- WORK ITEM: Down to the last line, retype each line of the entries exactly, starting with the one that contains "frame((201.0157, 14.7497, 0.1687)))".

──────── EXERCISE MATERIALS ────────

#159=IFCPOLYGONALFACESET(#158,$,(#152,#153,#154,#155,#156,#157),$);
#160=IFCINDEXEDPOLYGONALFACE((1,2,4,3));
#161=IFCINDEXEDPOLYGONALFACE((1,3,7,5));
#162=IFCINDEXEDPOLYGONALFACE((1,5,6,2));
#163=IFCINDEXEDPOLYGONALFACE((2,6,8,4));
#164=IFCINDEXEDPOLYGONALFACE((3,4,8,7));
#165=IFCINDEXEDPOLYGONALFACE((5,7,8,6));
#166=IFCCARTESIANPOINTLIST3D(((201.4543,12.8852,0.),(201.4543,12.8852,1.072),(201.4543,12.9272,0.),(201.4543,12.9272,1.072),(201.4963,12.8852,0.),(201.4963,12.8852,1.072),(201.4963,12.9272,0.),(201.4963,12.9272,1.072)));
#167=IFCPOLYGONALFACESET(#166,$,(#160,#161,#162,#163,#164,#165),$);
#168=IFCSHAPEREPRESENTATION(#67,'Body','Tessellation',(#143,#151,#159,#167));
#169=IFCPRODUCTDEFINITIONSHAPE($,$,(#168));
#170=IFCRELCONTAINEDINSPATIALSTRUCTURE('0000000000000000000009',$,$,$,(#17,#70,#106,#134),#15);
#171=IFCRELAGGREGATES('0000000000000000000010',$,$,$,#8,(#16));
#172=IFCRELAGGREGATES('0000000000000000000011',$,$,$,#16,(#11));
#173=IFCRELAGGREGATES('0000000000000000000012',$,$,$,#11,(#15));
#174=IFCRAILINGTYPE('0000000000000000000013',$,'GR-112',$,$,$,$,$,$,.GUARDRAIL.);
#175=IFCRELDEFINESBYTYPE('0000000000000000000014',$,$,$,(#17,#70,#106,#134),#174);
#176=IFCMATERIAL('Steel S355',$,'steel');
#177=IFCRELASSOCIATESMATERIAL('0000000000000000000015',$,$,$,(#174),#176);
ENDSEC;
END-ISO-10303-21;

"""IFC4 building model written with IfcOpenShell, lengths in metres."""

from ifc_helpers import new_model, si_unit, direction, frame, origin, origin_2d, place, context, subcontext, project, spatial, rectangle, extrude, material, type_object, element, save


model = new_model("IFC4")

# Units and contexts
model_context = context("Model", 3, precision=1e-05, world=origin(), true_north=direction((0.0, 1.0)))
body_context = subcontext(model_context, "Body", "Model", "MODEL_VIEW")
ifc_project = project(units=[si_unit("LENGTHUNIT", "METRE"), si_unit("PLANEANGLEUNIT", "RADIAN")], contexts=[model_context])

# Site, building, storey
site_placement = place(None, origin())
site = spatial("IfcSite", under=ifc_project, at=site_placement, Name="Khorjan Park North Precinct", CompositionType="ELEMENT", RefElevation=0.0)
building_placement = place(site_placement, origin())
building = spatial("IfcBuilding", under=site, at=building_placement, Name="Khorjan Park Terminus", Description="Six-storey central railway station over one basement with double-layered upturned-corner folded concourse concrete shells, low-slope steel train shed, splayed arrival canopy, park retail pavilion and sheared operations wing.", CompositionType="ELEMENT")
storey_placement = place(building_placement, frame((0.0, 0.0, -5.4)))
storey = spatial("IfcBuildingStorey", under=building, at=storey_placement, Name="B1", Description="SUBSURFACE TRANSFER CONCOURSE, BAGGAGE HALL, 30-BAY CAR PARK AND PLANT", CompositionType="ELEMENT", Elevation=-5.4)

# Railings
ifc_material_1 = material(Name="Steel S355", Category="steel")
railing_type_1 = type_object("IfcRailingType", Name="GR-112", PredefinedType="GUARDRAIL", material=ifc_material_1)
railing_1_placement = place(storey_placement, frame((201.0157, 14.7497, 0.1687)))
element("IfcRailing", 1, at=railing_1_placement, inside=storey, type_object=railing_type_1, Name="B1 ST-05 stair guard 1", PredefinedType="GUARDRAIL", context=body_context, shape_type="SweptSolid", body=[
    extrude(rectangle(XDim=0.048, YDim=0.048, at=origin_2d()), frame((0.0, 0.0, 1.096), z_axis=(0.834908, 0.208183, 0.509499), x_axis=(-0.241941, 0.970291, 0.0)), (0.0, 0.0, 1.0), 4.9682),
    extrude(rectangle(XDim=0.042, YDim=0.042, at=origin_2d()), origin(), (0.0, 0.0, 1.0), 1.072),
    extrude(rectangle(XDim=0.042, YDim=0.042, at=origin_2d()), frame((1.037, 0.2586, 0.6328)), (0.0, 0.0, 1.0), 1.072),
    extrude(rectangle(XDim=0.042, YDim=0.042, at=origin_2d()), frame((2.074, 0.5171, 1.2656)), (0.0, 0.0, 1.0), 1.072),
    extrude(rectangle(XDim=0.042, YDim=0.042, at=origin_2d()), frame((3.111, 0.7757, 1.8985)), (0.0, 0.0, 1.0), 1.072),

────────

- EXERCISE ANSWER:
railing_1_placement = place(storey_placement, frame((201.0157, 14.7497, 0.1687)))
element("IfcRailing", 1, at=railing_1_placement, inside=storey, type_object=railing_type_1, Name="B1 ST-05 stair guard 1", PredefinedType="GUARDRAIL", context=body_context, shape_type="SweptSolid", body=[
    extrude(rectangle(XDim=0.048, YDim=0.048, at=origin_2d()), frame((0.0, 0.0, 1.096), z_axis=(0.834908, 0.208183, 0.509499), x_axis=(-0.241941, 0.970291, 0.0)), (0.0, 0.0, 1.0), 4.9682),
    extrude(rectangle(XDim=0.042, YDim=0.042, at=origin_2d()), origin(), (0.0, 0.0, 1.0), 1.072),
    extrude(rectangle(XDim=0.042, YDim=0.042, at=origin_2d()), frame((1.037, 0.2586, 0.6328)), (0.0, 0.0, 1.0), 1.072),
    extrude(rectangle(XDim=0.042, YDim=0.042, at=origin_2d()), frame((2.074, 0.5171, 1.2656)), (0.0, 0.0, 1.0), 1.072),
    extrude(rectangle(XDim=0.042, YDim=0.042, at=origin_2d()), frame((3.111, 0.7757, 1.8985)), (0.0, 0.0, 1.0), 1.072),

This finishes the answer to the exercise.